What is needed: After finding the line containing "#60=IFCMATERIAL('Brushed Stainless Steel" below, please output that line and each following one through the line containing "END-ISO-10303-21;", exactly as written.

Data:
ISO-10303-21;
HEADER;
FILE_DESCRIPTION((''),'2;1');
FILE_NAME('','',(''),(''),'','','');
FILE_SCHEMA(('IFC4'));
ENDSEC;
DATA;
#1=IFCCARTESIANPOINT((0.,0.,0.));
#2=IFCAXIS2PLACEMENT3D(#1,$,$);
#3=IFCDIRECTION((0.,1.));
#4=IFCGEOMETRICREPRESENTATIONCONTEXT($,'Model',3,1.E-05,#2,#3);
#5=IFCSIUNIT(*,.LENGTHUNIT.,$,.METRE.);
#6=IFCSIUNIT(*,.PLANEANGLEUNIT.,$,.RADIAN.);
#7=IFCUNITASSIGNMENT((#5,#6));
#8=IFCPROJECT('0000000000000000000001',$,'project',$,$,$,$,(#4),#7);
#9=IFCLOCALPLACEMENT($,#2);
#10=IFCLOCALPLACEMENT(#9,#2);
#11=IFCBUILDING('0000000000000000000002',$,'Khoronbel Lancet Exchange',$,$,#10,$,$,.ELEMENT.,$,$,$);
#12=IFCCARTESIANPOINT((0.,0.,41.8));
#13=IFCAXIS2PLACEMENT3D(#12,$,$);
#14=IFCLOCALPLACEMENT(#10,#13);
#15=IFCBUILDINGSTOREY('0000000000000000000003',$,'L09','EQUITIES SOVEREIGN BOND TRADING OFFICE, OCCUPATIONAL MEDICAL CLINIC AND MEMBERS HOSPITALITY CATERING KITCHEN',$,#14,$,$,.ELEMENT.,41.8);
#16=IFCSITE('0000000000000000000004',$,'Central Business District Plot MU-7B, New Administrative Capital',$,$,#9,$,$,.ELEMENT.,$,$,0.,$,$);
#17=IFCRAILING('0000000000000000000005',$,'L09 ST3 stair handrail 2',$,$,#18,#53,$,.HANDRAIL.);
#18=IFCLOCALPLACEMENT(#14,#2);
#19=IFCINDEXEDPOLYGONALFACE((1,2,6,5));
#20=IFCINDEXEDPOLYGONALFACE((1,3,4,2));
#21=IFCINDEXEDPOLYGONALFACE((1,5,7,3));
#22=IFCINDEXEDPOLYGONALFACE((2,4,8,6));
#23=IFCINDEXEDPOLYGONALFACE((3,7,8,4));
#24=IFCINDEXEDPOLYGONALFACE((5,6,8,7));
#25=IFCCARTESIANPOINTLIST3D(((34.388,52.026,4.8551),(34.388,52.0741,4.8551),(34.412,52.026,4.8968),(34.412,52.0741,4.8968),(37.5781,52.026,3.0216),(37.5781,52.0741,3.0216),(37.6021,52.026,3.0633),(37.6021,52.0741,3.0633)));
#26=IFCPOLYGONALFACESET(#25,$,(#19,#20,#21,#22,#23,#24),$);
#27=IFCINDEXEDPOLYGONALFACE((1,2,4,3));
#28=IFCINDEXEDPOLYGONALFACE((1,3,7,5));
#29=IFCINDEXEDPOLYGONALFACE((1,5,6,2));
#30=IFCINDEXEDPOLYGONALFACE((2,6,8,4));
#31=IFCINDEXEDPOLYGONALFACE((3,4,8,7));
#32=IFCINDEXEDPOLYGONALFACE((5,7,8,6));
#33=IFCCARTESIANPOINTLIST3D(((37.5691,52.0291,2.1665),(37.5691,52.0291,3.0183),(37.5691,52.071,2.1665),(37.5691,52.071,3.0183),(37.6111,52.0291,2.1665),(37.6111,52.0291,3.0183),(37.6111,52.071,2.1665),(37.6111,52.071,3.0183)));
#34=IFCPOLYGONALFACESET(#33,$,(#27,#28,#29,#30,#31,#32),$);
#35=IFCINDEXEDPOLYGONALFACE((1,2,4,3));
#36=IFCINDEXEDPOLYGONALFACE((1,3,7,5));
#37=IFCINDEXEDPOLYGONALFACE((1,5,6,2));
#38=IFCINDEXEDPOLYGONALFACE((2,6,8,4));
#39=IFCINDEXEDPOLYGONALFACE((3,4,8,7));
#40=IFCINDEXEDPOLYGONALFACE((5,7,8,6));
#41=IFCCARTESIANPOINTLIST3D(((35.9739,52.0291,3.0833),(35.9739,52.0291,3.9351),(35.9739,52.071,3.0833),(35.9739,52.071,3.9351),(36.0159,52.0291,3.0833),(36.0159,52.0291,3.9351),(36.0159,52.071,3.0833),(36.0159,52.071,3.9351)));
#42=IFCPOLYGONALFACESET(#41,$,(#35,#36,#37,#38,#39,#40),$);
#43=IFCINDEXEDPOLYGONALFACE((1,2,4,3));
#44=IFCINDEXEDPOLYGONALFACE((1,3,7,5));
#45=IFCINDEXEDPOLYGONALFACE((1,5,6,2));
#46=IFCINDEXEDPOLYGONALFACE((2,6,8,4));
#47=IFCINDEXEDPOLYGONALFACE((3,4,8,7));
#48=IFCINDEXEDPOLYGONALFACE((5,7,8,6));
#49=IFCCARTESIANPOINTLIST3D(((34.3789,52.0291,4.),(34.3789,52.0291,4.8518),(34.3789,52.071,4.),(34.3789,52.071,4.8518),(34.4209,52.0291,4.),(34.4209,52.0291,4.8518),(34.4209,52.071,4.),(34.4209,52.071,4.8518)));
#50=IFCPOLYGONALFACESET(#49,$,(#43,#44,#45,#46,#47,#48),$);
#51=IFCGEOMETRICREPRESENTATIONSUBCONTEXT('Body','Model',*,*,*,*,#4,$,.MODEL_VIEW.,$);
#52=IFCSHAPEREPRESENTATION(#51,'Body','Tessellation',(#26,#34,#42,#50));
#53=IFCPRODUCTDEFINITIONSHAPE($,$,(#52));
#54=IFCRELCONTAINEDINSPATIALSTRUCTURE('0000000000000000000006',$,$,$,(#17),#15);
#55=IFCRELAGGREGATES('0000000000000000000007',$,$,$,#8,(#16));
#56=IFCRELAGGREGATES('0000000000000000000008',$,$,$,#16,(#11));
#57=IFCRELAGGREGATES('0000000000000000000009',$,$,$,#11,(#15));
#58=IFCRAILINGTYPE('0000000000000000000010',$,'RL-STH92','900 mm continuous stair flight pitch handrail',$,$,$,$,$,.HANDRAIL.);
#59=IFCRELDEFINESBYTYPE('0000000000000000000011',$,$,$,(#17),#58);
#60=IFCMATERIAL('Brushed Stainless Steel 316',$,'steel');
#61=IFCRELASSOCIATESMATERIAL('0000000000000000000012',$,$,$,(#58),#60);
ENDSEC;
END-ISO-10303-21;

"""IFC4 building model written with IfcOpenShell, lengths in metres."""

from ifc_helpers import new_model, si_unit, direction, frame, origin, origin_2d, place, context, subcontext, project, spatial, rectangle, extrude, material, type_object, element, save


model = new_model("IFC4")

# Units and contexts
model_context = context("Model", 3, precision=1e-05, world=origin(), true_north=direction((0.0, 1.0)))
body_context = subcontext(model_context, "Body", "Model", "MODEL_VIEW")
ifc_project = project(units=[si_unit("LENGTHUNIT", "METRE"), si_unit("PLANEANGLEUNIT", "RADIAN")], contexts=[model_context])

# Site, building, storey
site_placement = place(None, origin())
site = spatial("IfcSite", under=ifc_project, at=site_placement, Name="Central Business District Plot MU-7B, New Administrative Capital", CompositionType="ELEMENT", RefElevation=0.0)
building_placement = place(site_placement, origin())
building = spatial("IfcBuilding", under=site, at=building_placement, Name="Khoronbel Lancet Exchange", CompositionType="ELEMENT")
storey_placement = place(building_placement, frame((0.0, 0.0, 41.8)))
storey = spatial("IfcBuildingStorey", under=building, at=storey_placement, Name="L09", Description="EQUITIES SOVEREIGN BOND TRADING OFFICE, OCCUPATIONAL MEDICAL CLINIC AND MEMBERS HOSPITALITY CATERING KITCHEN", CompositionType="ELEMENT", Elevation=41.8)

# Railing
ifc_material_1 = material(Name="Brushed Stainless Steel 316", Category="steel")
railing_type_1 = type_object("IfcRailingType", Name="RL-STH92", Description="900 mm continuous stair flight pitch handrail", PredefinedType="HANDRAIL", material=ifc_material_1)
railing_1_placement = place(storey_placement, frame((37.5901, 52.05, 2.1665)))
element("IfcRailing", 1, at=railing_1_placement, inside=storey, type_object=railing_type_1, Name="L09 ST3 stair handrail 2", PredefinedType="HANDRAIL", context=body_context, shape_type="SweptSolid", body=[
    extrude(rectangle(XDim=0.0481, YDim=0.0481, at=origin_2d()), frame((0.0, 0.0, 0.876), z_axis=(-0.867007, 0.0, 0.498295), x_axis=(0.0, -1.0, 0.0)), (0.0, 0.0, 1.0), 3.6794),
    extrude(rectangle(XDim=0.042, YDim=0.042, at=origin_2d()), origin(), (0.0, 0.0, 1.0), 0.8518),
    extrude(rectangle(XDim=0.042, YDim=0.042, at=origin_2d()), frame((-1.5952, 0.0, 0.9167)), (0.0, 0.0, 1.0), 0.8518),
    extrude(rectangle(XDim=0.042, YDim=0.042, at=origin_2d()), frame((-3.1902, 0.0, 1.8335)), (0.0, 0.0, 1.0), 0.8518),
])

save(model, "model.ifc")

Reply to the exercise:
#60=IFCMATERIAL('Brushed Stainless Steel 316',$,'steel');
#61=IFCRELASSOCIATESMATERIAL('0000000000000000000012',$,$,$,(#58),#60);
ENDSEC;
END-ISO-10303-21;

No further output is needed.